Saved data entries
━━━━━━━━━━━━━━━━

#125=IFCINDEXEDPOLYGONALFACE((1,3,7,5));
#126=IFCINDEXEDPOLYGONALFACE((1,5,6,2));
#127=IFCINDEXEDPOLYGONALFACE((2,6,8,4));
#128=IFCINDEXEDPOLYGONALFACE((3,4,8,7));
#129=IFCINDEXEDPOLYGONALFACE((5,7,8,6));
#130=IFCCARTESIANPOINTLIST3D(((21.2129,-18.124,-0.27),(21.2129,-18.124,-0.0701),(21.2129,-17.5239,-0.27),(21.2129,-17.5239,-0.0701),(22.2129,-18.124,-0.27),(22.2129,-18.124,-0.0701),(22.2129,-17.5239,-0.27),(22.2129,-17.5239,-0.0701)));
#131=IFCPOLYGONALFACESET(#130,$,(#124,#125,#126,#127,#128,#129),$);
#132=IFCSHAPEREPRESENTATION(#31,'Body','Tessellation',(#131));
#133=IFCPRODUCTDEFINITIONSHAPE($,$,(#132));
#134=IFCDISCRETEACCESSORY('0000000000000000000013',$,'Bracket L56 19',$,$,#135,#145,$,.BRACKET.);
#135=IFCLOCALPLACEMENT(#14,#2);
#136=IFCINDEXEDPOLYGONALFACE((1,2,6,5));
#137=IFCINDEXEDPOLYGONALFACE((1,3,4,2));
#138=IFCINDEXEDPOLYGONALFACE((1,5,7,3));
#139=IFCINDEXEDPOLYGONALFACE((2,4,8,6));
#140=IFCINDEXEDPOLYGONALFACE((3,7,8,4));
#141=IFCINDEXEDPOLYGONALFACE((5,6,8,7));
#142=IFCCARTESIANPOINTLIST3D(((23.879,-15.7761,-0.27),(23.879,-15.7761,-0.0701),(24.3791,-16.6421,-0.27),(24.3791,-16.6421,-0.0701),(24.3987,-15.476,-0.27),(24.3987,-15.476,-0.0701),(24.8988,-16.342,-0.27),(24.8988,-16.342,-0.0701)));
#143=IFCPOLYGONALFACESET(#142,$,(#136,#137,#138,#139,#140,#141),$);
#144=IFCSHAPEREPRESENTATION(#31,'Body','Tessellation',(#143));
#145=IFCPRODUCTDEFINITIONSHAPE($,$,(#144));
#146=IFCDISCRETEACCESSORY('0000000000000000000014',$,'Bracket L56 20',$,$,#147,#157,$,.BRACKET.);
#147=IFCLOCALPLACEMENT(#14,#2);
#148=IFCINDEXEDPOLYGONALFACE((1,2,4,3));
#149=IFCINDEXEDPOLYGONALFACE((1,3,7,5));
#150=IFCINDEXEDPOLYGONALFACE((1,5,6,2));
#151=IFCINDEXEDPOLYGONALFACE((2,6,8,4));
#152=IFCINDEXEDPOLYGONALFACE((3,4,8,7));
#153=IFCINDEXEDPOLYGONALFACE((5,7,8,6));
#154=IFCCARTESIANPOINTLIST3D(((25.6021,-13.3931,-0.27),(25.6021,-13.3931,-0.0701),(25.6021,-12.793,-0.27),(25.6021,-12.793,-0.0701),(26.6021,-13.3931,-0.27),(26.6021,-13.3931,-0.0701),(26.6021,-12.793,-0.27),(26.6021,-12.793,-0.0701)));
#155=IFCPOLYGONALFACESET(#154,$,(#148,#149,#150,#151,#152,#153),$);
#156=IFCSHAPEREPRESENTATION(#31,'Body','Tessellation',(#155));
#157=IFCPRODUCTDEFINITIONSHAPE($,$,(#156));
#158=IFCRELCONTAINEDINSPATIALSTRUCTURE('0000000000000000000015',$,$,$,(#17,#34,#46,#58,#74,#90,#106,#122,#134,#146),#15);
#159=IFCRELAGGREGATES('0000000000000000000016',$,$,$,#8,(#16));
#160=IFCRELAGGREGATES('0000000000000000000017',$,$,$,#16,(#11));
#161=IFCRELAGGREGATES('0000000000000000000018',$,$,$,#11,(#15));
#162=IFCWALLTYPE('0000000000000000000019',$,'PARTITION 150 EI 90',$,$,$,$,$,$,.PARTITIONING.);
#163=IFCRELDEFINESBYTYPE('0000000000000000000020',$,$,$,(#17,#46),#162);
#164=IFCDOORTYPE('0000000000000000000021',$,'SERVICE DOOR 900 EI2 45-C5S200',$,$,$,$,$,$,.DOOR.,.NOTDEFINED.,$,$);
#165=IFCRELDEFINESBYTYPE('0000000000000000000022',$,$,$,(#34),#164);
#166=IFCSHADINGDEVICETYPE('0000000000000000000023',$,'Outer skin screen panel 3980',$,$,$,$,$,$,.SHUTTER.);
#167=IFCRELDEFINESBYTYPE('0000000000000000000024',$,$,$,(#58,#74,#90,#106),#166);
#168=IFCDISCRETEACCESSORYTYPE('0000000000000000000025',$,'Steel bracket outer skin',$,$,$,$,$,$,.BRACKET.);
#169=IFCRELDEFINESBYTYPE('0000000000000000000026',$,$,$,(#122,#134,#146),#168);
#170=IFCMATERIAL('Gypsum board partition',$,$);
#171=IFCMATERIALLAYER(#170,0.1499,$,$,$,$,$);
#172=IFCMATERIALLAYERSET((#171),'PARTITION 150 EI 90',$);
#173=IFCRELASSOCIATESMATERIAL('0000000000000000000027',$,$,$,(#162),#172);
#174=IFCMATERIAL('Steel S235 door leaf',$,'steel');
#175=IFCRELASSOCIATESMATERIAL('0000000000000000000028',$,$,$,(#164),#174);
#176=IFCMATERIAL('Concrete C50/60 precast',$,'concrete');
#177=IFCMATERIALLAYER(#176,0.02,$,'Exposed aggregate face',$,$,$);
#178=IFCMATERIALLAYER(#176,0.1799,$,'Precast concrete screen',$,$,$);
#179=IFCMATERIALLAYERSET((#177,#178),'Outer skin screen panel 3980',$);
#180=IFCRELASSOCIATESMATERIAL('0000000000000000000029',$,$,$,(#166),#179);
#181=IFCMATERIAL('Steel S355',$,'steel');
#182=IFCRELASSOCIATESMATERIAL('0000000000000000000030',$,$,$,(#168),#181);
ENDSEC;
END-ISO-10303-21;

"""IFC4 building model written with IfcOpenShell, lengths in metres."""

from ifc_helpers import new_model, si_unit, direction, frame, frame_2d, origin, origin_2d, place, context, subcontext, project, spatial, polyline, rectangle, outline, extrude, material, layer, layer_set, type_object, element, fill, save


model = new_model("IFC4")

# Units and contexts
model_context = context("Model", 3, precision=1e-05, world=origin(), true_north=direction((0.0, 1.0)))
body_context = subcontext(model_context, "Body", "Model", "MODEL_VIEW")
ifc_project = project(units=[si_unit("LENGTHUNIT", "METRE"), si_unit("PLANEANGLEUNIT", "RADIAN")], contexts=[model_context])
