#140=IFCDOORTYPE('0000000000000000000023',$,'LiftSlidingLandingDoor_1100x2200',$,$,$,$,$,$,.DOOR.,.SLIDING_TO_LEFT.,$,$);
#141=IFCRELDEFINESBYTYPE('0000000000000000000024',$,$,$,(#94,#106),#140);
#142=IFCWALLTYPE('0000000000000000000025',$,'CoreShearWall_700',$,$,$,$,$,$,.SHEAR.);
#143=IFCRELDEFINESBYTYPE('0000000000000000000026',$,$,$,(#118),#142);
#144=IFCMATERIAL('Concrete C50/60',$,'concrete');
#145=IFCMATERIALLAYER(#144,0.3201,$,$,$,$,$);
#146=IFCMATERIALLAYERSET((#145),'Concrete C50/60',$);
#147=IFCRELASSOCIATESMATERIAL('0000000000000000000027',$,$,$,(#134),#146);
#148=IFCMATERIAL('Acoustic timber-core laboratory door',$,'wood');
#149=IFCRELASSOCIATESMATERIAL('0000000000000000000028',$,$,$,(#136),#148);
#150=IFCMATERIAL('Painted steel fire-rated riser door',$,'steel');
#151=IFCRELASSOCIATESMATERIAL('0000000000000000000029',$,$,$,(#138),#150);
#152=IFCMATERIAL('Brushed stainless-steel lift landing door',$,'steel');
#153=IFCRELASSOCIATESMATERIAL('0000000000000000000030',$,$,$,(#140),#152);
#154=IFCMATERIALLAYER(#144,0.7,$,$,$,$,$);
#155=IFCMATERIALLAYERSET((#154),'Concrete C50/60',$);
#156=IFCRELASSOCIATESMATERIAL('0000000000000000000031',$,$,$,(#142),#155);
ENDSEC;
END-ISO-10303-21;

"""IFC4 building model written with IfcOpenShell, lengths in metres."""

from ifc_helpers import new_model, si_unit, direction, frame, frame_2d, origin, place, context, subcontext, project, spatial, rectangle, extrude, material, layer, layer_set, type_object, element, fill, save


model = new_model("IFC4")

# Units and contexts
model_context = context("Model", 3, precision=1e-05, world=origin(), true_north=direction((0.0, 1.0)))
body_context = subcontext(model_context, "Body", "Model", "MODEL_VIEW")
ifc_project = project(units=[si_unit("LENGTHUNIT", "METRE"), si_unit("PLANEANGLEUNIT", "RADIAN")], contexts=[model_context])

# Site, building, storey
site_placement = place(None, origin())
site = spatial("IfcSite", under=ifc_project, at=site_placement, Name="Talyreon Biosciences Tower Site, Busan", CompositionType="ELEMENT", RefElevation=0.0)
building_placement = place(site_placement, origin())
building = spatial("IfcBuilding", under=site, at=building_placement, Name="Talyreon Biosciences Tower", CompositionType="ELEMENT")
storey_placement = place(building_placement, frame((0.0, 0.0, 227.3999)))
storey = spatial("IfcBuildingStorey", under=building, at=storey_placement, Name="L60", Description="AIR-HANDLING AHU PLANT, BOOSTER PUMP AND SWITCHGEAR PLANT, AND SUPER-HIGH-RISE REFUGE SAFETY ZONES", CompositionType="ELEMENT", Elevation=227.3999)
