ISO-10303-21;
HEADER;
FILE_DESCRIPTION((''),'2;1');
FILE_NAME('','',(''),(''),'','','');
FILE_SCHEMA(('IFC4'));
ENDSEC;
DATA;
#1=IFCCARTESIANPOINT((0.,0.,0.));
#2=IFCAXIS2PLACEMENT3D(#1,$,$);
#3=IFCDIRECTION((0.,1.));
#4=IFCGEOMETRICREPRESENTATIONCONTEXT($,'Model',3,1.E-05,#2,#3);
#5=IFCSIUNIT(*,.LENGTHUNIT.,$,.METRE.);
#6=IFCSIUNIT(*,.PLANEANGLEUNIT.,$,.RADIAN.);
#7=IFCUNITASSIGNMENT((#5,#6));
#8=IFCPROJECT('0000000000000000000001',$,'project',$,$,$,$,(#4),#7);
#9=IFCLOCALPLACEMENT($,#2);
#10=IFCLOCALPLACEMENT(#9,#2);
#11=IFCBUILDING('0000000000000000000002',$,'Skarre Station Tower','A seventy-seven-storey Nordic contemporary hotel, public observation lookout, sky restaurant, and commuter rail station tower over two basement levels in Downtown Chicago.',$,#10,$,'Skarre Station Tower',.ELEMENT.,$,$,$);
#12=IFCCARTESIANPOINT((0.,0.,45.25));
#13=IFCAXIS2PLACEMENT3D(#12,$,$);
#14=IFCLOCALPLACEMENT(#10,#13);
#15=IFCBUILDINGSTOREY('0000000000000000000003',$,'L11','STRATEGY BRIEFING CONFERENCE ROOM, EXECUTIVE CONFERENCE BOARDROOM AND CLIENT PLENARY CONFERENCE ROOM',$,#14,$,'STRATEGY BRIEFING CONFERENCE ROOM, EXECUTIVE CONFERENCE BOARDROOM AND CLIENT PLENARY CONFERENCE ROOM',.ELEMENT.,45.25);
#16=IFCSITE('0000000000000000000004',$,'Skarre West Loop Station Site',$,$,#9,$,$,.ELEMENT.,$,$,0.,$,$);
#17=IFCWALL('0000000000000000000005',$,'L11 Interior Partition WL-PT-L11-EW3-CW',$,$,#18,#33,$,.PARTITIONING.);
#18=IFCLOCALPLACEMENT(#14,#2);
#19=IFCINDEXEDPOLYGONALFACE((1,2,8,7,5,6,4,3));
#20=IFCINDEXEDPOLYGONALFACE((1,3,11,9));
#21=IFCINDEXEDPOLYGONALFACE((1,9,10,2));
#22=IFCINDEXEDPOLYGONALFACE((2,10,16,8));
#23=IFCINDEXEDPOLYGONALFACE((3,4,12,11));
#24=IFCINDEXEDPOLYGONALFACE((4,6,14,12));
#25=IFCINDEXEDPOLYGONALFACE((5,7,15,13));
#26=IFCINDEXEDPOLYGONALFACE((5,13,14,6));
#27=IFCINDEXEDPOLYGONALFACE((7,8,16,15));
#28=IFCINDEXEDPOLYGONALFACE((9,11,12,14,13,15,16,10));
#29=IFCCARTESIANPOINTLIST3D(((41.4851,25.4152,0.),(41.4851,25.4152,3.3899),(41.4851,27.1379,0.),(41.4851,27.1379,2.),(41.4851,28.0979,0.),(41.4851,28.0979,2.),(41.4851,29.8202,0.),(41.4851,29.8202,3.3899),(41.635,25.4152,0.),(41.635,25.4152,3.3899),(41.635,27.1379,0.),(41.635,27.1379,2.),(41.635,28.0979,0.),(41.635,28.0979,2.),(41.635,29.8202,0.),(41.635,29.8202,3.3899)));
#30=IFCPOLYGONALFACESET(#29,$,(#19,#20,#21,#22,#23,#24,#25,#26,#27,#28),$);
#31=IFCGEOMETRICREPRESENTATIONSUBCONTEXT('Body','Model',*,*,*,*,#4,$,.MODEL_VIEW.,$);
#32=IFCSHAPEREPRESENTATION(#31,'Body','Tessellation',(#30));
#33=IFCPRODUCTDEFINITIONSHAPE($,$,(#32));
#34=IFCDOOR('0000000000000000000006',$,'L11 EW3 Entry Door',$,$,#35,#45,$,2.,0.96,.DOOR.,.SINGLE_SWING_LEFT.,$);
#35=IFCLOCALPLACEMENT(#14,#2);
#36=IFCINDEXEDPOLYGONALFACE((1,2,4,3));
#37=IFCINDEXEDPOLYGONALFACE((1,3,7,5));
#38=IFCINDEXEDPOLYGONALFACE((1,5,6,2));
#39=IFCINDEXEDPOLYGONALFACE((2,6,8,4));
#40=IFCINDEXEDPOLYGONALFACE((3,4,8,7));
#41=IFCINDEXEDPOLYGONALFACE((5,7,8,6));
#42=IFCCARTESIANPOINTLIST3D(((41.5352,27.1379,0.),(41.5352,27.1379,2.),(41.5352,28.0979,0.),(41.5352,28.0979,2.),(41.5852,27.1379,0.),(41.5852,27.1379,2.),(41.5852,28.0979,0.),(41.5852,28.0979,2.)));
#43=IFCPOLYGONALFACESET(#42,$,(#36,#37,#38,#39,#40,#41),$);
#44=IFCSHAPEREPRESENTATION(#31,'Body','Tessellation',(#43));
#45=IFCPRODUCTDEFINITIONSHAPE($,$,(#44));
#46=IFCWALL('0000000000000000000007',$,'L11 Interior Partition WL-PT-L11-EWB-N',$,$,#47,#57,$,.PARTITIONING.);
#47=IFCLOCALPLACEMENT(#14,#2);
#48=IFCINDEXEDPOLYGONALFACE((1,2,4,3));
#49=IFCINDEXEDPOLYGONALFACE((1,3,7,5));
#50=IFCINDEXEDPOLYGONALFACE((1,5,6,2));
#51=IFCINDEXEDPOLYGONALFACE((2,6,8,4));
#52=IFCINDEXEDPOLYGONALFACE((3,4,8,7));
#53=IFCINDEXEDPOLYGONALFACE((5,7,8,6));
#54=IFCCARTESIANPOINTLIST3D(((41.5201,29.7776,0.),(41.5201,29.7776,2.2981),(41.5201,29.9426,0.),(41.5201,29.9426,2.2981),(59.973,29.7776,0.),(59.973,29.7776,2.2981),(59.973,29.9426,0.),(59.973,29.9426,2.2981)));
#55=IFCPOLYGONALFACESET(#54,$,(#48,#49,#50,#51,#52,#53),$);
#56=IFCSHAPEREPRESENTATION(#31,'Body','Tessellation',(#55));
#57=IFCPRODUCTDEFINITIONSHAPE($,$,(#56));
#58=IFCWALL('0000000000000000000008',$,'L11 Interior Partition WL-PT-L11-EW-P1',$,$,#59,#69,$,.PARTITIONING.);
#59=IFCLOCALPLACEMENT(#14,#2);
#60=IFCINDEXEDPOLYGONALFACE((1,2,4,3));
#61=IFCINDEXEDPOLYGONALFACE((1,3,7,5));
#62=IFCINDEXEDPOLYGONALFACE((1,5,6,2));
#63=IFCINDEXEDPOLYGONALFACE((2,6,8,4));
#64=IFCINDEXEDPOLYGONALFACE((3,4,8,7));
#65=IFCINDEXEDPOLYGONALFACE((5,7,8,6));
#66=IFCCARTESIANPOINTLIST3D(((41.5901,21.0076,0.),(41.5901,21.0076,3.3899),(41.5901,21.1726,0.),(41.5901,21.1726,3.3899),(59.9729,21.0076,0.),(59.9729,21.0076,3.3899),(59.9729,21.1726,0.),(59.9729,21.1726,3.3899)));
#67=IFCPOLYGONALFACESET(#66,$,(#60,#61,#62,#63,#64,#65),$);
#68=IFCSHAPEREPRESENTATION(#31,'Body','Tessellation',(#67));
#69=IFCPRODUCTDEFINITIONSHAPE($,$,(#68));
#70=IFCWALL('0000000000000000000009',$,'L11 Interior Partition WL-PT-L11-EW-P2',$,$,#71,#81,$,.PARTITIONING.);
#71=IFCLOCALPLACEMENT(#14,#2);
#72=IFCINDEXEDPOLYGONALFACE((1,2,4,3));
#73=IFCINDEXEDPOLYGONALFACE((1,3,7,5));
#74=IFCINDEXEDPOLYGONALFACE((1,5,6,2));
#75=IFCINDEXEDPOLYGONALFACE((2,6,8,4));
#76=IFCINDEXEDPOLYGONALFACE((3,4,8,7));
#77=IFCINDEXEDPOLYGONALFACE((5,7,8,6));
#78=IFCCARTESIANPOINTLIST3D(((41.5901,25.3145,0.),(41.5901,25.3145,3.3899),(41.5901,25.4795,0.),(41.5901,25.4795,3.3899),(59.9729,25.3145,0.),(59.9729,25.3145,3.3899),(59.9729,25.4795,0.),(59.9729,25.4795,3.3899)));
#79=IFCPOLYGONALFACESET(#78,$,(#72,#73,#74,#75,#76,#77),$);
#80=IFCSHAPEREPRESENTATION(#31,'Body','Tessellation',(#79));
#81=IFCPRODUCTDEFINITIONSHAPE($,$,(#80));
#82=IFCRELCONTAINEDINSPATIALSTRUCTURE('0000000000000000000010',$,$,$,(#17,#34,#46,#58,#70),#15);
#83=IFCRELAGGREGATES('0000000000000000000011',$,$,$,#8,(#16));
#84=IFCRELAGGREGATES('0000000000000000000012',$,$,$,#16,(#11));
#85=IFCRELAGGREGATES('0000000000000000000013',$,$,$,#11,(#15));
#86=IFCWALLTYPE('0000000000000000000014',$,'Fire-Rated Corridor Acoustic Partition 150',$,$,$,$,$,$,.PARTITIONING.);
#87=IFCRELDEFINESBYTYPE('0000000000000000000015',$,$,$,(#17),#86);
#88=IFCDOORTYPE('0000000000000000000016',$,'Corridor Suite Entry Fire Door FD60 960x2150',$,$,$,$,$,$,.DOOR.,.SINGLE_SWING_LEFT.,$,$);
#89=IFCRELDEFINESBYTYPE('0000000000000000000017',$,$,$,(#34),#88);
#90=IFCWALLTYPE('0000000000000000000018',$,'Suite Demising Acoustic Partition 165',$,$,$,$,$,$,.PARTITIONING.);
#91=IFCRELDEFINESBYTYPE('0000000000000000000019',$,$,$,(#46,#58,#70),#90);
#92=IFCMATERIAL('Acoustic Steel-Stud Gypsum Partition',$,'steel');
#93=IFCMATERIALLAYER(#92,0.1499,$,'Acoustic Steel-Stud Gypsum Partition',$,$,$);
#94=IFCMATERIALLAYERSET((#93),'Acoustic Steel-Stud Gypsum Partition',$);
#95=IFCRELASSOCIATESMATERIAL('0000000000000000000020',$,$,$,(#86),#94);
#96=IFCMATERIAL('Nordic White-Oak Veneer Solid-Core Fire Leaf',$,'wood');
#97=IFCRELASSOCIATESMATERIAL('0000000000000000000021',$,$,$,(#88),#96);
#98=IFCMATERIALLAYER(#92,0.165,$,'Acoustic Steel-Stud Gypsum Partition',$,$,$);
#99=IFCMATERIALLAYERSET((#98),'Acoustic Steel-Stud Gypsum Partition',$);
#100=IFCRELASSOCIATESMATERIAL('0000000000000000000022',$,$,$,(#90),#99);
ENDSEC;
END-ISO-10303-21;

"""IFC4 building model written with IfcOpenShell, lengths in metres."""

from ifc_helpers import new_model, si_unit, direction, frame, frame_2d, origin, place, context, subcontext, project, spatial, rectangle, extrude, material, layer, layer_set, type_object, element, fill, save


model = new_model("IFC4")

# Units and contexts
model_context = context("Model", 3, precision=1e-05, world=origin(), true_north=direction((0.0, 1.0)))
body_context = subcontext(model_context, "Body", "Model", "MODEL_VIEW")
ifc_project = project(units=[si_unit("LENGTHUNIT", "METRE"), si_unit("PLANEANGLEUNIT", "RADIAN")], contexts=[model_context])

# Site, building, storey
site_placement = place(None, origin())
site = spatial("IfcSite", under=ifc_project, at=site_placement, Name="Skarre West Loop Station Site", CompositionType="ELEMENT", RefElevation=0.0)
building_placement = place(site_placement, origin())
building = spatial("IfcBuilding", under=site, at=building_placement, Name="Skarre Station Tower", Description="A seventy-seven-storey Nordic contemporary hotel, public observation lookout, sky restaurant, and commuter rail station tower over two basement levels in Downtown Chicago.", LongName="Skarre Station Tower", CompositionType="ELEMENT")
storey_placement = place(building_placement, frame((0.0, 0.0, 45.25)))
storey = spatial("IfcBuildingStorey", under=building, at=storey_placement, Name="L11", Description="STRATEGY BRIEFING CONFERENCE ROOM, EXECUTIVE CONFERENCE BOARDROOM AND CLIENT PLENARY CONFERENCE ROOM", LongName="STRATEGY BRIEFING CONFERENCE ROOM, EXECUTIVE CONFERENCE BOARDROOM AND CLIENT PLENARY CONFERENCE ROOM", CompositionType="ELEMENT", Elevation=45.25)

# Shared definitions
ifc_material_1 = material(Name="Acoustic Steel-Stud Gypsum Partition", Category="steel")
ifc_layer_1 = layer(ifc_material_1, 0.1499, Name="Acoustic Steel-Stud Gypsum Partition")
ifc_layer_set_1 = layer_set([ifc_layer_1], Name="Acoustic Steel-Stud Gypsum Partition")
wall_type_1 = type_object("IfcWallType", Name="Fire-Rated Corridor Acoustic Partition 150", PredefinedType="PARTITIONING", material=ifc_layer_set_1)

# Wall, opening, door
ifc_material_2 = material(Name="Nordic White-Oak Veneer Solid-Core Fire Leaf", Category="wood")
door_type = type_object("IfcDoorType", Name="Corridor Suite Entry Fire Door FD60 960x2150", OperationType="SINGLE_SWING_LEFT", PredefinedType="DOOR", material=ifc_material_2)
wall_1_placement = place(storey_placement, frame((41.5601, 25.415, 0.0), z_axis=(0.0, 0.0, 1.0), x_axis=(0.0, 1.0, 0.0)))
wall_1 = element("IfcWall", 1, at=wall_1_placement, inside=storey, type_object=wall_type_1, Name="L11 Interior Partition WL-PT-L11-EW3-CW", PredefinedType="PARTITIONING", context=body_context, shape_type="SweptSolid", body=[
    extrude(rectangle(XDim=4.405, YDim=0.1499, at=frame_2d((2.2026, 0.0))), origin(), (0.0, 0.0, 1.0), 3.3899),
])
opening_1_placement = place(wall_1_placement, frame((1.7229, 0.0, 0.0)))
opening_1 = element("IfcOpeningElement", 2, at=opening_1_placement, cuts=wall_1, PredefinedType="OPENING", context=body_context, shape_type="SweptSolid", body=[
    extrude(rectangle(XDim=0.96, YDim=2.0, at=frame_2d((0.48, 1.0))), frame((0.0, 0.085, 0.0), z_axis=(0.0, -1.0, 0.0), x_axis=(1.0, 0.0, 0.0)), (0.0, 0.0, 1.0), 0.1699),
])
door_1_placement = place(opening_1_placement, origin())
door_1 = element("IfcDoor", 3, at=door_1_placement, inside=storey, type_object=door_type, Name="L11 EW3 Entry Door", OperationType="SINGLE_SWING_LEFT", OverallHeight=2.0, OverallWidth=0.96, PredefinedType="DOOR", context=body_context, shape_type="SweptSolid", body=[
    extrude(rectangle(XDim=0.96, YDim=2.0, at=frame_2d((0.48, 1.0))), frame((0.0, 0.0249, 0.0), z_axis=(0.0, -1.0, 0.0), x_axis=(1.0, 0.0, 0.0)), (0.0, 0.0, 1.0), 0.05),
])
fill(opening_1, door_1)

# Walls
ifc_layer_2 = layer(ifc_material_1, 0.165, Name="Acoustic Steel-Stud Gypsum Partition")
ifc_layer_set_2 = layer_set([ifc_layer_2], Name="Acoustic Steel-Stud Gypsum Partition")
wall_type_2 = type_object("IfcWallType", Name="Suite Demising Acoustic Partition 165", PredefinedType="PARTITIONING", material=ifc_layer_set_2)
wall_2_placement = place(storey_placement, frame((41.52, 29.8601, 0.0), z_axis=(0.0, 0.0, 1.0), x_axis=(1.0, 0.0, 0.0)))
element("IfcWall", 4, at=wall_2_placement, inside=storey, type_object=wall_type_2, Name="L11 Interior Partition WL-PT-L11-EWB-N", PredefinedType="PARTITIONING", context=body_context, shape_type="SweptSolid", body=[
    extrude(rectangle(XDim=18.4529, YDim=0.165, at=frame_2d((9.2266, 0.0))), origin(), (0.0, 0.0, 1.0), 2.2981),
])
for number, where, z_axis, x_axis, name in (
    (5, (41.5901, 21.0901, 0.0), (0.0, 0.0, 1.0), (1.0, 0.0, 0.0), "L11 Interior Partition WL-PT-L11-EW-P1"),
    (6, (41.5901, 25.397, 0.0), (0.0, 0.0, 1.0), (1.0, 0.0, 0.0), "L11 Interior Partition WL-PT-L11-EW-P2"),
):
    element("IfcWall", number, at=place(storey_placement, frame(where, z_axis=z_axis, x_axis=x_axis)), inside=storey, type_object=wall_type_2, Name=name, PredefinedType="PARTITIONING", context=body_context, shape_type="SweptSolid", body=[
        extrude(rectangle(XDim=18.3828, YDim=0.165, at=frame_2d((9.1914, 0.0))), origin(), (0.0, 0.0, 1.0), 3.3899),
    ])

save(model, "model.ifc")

━━━━━━━━━━━━━━━━

**Your objective:**
From the entries above, show each line that includes the string "IFCLOCALPLACEMENT".

**Output of the task:**
#135=IFCLOCALPLACEMENT(#14,#2);
#147=IFCLOCALPLACEMENT(#14,#2);
#9=IFCLOCALPLACEMENT($,#2);
#10=IFCLOCALPLACEMENT(#9,#2);
#14=IFCLOCALPLACEMENT(#10,#13);
#18=IFCLOCALPLACEMENT(#14,#2);
#35=IFCLOCALPLACEMENT(#14,#2);
#47=IFCLOCALPLACEMENT(#14,#2);
#59=IFCLOCALPLACEMENT(#14,#2);
#71=IFCLOCALPLACEMENT(#14,#2);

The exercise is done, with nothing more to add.